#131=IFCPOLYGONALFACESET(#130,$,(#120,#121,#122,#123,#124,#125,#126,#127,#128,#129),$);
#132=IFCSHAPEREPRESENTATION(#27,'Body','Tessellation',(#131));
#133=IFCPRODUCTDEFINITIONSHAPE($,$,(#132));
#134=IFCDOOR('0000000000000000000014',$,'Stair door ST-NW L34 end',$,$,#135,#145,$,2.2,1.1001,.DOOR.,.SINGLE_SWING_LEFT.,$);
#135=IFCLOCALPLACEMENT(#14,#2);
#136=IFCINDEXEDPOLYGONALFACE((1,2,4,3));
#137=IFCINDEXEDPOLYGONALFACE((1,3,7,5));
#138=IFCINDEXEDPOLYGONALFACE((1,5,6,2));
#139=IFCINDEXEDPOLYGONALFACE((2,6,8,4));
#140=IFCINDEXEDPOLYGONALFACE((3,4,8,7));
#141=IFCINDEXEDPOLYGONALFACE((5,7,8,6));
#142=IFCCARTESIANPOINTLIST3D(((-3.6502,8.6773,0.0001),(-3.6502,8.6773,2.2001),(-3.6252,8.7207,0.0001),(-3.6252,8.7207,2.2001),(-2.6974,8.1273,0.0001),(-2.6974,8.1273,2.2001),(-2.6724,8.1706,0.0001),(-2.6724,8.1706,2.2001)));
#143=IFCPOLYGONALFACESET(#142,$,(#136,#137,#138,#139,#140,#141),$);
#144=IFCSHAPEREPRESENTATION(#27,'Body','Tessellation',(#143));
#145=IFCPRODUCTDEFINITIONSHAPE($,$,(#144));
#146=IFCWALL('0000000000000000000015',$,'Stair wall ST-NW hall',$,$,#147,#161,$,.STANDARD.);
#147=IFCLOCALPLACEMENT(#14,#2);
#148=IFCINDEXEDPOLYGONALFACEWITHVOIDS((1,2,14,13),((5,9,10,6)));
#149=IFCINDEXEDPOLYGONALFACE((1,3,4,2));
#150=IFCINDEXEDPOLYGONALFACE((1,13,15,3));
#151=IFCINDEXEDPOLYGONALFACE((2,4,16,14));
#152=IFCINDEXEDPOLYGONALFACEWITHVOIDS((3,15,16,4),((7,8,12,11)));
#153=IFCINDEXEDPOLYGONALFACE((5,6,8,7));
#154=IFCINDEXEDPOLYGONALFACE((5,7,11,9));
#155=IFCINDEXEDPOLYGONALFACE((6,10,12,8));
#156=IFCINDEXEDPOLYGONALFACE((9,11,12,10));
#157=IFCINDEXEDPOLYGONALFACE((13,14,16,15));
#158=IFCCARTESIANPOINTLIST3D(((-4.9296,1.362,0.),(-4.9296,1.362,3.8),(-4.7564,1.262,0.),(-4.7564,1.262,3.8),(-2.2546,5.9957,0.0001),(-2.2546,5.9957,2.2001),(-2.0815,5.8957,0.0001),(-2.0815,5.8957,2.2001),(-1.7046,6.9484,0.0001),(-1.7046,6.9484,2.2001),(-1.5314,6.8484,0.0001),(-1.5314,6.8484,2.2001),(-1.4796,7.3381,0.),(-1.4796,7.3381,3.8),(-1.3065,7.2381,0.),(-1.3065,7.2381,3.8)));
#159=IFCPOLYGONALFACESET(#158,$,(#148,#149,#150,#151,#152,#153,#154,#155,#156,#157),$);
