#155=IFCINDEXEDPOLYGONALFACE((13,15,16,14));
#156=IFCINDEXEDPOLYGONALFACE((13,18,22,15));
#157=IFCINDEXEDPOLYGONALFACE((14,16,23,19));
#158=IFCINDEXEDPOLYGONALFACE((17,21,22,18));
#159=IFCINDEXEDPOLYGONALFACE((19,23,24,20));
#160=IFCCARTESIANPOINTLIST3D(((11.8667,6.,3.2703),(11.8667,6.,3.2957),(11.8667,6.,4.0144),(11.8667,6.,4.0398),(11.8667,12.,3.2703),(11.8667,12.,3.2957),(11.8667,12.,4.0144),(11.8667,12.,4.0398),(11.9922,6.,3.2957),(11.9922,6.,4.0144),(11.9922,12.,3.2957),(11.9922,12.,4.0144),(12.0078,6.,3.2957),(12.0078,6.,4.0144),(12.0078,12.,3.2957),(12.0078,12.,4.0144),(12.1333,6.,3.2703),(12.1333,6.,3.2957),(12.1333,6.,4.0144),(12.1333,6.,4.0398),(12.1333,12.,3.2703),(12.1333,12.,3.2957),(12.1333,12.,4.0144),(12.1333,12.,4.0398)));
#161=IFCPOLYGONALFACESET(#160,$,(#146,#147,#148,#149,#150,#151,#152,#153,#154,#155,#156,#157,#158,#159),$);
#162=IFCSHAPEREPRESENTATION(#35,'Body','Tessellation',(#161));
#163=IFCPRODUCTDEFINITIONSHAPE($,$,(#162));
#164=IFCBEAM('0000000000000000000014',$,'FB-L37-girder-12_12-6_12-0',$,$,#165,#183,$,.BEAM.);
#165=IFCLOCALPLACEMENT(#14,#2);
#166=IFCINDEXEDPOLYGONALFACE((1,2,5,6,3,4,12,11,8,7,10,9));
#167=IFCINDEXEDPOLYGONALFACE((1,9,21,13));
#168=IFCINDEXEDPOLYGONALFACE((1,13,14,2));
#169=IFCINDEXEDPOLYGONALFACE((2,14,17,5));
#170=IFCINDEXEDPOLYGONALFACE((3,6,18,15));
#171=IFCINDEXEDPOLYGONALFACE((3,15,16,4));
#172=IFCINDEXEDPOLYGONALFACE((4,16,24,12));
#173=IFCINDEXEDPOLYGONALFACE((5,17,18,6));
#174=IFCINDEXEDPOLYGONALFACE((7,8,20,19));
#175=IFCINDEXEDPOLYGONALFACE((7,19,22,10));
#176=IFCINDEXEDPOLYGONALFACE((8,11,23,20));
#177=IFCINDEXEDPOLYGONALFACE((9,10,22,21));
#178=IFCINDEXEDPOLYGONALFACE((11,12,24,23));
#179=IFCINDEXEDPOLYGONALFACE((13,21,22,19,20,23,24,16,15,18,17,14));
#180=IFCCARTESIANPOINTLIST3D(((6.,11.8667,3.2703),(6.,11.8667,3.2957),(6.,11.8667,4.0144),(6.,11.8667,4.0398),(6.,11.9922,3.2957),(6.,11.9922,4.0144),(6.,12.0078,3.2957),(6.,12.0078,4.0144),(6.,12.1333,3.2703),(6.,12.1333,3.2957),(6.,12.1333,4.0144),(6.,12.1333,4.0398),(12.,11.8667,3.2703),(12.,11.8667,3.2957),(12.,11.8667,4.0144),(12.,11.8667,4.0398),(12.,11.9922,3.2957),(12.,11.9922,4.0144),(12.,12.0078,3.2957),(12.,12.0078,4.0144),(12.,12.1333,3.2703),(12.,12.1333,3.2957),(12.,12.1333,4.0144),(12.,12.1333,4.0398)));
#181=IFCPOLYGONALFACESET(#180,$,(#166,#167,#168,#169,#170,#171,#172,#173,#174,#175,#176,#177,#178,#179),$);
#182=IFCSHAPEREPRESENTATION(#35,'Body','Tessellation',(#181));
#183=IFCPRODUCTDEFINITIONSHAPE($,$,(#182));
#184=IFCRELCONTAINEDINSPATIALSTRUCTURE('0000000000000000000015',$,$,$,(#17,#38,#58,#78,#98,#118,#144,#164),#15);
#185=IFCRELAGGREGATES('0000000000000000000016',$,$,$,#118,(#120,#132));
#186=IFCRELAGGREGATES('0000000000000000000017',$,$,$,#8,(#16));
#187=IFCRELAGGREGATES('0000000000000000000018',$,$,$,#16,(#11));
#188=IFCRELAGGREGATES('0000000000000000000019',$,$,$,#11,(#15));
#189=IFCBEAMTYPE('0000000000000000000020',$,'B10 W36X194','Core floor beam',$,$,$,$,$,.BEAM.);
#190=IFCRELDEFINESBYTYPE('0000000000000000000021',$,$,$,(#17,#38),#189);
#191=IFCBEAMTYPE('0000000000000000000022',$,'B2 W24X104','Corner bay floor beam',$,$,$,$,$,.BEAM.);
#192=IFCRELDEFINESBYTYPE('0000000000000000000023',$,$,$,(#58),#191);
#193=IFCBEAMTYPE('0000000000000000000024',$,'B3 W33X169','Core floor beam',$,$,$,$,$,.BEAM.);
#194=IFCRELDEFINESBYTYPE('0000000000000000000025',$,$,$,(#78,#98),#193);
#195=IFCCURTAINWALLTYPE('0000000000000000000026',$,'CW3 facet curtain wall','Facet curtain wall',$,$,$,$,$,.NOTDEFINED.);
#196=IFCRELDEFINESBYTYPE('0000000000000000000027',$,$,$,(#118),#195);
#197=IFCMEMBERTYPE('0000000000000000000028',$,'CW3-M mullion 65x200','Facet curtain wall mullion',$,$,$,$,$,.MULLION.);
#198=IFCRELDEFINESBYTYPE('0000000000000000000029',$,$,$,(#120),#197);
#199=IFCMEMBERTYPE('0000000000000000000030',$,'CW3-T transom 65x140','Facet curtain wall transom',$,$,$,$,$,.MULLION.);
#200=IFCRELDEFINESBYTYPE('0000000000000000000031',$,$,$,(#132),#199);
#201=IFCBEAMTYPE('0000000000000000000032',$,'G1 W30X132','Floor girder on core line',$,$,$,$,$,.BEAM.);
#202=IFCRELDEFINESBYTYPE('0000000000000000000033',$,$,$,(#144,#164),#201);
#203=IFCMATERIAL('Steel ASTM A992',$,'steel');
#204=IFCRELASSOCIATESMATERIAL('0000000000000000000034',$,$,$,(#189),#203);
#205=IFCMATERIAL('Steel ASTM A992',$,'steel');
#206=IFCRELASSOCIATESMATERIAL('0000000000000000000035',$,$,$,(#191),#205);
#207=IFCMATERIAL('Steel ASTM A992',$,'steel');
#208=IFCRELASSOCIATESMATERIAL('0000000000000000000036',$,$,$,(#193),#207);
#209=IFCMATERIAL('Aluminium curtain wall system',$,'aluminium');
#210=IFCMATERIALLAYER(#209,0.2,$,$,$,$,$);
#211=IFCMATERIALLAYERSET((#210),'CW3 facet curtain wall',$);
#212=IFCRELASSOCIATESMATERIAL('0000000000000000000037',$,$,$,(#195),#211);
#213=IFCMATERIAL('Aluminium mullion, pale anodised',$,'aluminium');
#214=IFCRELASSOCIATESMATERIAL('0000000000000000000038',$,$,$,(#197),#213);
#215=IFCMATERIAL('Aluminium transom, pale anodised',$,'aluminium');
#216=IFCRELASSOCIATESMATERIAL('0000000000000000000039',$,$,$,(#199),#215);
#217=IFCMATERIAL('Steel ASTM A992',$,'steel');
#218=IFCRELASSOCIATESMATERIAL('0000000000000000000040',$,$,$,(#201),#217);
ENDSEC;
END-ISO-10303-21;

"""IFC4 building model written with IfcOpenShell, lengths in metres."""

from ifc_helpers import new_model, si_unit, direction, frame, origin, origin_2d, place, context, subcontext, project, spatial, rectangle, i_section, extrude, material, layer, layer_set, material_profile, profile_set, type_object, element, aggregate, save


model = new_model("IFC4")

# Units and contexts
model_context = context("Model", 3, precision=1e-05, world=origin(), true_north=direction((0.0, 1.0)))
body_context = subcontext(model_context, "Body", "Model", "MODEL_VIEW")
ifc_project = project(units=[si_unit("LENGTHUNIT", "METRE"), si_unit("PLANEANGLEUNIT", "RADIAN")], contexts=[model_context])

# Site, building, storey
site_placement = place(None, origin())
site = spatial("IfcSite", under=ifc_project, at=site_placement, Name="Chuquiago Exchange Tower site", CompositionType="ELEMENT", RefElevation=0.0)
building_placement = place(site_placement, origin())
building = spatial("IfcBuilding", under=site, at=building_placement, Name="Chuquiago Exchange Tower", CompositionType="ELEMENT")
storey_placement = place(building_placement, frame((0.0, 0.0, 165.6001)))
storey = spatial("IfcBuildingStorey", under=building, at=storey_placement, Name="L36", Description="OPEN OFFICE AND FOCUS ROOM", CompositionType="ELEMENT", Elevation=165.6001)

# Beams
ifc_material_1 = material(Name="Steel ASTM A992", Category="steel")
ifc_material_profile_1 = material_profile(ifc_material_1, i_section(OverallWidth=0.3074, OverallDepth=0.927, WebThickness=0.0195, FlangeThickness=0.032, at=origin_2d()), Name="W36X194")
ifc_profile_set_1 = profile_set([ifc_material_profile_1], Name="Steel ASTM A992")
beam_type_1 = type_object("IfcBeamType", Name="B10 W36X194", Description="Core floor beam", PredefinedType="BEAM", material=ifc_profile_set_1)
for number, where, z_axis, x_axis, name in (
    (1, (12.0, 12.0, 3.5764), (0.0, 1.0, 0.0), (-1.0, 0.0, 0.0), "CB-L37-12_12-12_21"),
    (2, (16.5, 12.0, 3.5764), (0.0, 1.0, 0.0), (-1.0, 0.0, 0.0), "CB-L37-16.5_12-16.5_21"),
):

- - - - - - -

# WORK TO COMPLETE
Return a copy of each line in the entries that contains "subcontext".

# SOLUTION FOR THIS EXERCISE
from ifc_helpers import new_model, si_unit, direction, frame, origin, origin_2d, place, context, subcontext, project, spatial, rectangle, i_section, extrude, material, layer, layer_set, material_profile, profile_set, type_object, element, aggregate, save
body_context = subcontext(model_context, "Body", "Model", "MODEL_VIEW")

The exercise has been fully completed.